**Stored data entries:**
###

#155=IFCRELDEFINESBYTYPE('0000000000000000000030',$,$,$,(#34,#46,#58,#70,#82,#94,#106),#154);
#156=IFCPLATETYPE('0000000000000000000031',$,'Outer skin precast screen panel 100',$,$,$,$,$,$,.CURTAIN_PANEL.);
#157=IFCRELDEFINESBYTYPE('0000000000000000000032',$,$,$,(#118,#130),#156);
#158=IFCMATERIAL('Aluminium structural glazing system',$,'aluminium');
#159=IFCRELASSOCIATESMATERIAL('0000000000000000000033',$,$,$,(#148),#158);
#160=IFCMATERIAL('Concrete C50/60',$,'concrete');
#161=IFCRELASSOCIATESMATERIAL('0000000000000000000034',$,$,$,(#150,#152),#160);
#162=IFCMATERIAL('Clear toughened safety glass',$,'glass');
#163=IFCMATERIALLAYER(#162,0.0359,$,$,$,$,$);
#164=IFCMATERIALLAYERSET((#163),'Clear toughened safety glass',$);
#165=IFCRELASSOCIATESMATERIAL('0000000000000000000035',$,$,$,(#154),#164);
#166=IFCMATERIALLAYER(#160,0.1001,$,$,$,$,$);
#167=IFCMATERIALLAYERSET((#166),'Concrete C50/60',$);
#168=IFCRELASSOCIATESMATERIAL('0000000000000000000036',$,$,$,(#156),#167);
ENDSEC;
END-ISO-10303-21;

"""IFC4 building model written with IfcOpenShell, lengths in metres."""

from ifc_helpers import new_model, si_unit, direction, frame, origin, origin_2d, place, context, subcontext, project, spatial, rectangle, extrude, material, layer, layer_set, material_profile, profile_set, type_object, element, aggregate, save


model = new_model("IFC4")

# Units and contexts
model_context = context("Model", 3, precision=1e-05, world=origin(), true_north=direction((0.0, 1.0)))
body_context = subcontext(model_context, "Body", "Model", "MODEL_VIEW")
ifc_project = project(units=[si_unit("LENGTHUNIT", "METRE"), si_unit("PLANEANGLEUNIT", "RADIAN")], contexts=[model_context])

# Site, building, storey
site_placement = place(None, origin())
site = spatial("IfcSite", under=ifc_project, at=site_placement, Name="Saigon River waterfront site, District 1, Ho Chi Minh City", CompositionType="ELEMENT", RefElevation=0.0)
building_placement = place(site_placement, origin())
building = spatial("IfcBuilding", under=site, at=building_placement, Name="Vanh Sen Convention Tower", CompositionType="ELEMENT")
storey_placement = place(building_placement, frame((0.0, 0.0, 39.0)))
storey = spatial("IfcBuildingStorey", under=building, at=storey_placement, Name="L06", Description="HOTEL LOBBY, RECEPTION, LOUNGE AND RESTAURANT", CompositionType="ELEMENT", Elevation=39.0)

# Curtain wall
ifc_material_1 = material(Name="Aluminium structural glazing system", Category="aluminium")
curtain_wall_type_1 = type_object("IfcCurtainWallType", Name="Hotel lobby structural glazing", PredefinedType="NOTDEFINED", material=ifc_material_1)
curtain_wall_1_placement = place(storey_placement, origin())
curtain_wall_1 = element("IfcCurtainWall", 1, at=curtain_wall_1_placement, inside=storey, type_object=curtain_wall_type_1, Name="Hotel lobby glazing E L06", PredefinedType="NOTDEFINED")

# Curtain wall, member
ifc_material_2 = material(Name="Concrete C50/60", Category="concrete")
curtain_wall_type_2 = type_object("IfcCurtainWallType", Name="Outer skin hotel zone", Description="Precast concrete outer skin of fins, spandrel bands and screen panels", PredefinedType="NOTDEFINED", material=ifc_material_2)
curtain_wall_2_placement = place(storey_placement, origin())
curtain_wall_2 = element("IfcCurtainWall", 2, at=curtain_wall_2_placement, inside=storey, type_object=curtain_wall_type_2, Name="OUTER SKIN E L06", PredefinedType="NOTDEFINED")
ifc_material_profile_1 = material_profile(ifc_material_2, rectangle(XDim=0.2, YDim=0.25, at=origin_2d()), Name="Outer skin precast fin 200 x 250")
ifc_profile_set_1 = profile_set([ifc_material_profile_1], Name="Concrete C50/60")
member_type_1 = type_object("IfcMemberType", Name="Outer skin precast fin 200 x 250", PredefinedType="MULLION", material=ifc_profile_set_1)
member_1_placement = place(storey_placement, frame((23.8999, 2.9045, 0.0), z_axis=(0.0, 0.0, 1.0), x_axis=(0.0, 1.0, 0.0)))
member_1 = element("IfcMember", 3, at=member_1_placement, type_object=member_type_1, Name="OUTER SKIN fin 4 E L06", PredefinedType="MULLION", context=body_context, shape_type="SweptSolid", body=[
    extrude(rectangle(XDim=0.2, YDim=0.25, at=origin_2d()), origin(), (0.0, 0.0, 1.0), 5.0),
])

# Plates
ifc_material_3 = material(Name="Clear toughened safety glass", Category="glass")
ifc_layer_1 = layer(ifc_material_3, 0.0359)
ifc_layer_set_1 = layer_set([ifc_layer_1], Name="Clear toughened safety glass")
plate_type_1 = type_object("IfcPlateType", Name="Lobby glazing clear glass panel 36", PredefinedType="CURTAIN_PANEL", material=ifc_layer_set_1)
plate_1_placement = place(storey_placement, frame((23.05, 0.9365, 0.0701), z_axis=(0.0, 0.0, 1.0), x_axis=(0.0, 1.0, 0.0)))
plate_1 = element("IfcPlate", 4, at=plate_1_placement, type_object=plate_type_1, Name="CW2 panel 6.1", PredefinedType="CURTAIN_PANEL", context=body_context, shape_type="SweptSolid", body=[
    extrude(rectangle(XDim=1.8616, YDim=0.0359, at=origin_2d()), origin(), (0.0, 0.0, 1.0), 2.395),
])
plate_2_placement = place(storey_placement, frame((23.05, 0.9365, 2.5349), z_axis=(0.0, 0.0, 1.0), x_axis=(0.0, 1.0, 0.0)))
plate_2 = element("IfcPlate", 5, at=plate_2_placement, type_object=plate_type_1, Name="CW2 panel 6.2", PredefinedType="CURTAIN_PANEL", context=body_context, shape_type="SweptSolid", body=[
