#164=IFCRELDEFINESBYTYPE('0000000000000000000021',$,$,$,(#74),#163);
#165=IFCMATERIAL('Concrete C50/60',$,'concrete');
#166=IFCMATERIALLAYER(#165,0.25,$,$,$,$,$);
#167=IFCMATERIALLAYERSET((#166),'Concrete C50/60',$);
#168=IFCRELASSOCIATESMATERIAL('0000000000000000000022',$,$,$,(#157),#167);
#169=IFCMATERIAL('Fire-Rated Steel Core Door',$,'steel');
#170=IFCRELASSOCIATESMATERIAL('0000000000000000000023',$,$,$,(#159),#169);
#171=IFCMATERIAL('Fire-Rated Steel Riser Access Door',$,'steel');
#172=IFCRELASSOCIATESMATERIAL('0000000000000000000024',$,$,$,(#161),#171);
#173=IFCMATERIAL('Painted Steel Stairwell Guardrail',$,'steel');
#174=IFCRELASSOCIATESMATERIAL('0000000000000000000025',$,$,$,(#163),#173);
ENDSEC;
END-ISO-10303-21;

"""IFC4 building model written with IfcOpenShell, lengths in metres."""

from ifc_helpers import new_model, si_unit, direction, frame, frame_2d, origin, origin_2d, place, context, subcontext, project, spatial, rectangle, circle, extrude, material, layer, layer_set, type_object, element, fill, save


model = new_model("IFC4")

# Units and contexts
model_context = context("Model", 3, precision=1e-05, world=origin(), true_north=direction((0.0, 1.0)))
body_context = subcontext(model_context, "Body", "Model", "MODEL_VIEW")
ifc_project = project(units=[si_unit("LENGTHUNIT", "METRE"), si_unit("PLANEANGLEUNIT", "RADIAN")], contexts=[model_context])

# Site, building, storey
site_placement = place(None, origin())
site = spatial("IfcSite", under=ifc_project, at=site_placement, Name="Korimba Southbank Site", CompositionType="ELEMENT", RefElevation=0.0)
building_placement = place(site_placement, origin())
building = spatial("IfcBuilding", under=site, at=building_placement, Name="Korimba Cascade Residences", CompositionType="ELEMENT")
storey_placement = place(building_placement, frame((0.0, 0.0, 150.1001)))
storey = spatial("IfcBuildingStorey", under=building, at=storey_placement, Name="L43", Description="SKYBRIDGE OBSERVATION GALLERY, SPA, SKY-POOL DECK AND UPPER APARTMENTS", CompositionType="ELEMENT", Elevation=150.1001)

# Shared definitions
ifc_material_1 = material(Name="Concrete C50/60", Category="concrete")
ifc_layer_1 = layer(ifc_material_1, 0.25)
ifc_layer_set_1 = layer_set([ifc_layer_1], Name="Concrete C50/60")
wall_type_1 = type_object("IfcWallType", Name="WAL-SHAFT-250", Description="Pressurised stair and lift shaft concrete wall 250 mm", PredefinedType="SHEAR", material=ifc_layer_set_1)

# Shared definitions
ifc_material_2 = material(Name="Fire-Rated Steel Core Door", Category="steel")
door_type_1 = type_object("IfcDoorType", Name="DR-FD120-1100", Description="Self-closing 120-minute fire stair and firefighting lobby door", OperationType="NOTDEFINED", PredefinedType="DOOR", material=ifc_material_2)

###

**Activity:** An answer is complete only when it holds every line above containing the string "subcontext".

**Written solution:**
from ifc_helpers import new_model, si_unit, direction, frame, origin, origin_2d, place, context, subcontext, project, spatial, rectangle, extrude, material, layer, layer_set, material_profile, profile_set, type_object, element, aggregate, save
body_context = subcontext(model_context, "Body", "Model", "MODEL_VIEW")
from ifc_helpers import new_model, si_unit, direction, frame, frame_2d, origin, origin_2d, place, context, subcontext, project, spatial, rectangle, circle, extrude, material, layer, layer_set, type_object, element, fill, save
body_context = subcontext(model_context, "Body", "Model", "MODEL_VIEW")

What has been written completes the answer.